* [YOUR GOAL]:
For this exercise, please find the lines in the entries that include the word "scale" and copy them.

* [RECORDED DATA]:
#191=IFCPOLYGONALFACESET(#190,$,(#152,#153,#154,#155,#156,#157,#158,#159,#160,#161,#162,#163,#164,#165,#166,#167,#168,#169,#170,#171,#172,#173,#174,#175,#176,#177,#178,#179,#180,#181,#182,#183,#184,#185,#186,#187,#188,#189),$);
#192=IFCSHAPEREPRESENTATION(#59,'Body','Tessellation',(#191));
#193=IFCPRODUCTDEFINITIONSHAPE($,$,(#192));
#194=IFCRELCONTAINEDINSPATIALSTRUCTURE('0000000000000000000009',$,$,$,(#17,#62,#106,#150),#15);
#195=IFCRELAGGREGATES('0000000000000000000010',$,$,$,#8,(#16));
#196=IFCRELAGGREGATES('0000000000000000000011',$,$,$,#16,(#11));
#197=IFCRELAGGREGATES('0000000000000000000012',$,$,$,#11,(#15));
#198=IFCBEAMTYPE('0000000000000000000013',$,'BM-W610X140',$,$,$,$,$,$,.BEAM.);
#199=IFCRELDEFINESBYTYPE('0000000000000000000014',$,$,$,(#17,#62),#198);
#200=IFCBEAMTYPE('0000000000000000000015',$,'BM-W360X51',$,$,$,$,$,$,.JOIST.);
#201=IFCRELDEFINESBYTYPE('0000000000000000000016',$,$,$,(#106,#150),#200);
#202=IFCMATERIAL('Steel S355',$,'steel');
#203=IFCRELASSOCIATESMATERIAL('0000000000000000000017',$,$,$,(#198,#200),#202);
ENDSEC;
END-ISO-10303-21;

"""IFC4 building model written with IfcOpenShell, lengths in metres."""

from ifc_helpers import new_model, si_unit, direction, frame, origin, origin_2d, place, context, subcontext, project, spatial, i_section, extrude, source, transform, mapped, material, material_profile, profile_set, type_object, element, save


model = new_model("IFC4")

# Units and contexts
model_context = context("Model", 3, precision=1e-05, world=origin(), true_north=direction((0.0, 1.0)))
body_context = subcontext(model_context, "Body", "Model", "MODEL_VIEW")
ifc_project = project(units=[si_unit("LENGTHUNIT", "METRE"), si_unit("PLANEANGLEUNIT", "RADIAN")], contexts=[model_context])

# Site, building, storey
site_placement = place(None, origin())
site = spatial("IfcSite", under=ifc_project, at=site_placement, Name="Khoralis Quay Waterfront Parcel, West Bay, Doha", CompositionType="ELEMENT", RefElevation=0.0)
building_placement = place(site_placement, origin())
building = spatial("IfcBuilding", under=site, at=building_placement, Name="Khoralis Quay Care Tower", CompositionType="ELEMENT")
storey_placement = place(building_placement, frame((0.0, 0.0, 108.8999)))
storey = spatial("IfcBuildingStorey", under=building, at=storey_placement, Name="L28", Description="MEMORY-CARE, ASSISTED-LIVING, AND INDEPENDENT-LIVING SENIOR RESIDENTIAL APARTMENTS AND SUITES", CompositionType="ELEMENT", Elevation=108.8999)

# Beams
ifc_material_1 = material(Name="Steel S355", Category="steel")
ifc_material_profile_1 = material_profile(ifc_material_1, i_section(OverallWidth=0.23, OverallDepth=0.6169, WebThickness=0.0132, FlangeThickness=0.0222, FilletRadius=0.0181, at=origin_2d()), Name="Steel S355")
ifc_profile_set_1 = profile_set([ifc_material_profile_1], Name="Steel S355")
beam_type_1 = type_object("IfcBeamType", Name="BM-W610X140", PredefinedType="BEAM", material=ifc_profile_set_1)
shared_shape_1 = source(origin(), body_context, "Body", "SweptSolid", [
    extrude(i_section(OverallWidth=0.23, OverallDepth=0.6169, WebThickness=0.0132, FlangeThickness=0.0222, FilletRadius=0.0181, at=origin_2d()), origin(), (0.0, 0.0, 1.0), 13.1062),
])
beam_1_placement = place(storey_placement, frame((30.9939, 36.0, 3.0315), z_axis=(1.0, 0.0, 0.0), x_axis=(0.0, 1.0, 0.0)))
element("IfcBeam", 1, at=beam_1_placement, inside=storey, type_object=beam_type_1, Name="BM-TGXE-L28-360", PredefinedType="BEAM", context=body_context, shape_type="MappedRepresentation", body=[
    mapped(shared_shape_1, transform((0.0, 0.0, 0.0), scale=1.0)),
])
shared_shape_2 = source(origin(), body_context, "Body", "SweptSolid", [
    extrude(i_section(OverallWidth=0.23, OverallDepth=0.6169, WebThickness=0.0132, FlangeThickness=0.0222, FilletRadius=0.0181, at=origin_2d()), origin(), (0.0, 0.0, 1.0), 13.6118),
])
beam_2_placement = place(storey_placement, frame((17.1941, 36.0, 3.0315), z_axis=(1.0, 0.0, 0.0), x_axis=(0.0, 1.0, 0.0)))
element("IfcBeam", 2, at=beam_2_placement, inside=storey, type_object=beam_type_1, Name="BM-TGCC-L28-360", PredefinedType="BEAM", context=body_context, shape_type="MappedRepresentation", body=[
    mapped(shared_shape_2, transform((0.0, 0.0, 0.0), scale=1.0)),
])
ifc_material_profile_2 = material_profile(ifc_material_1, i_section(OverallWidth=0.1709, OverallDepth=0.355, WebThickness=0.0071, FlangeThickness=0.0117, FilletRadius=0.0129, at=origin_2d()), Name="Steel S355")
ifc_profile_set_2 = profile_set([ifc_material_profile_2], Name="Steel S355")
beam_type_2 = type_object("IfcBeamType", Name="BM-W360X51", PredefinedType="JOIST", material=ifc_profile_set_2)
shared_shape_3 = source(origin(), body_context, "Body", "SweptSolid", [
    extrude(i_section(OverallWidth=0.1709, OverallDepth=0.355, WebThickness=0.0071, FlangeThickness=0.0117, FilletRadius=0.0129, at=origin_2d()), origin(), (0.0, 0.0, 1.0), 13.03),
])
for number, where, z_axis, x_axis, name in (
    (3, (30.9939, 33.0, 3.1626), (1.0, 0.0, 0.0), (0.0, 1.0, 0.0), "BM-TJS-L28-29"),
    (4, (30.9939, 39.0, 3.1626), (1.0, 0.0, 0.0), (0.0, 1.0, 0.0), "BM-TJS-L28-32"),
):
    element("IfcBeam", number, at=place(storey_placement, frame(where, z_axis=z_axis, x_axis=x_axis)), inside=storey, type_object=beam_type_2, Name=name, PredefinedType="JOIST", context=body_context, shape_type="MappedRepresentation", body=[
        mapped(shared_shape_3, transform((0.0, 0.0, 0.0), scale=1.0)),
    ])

* [ANSWER TO THIS EXERCISE]:
    mapped(shared_shape_1, transform((0.0, 0.0, 0.0), scale=1.0)),
    mapped(shared_shape_2, transform((0.0, 0.0, 0.0), scale=1.0)),
        mapped(shared_shape_3, transform((0.0, 0.0, 0.0), scale=1.0)),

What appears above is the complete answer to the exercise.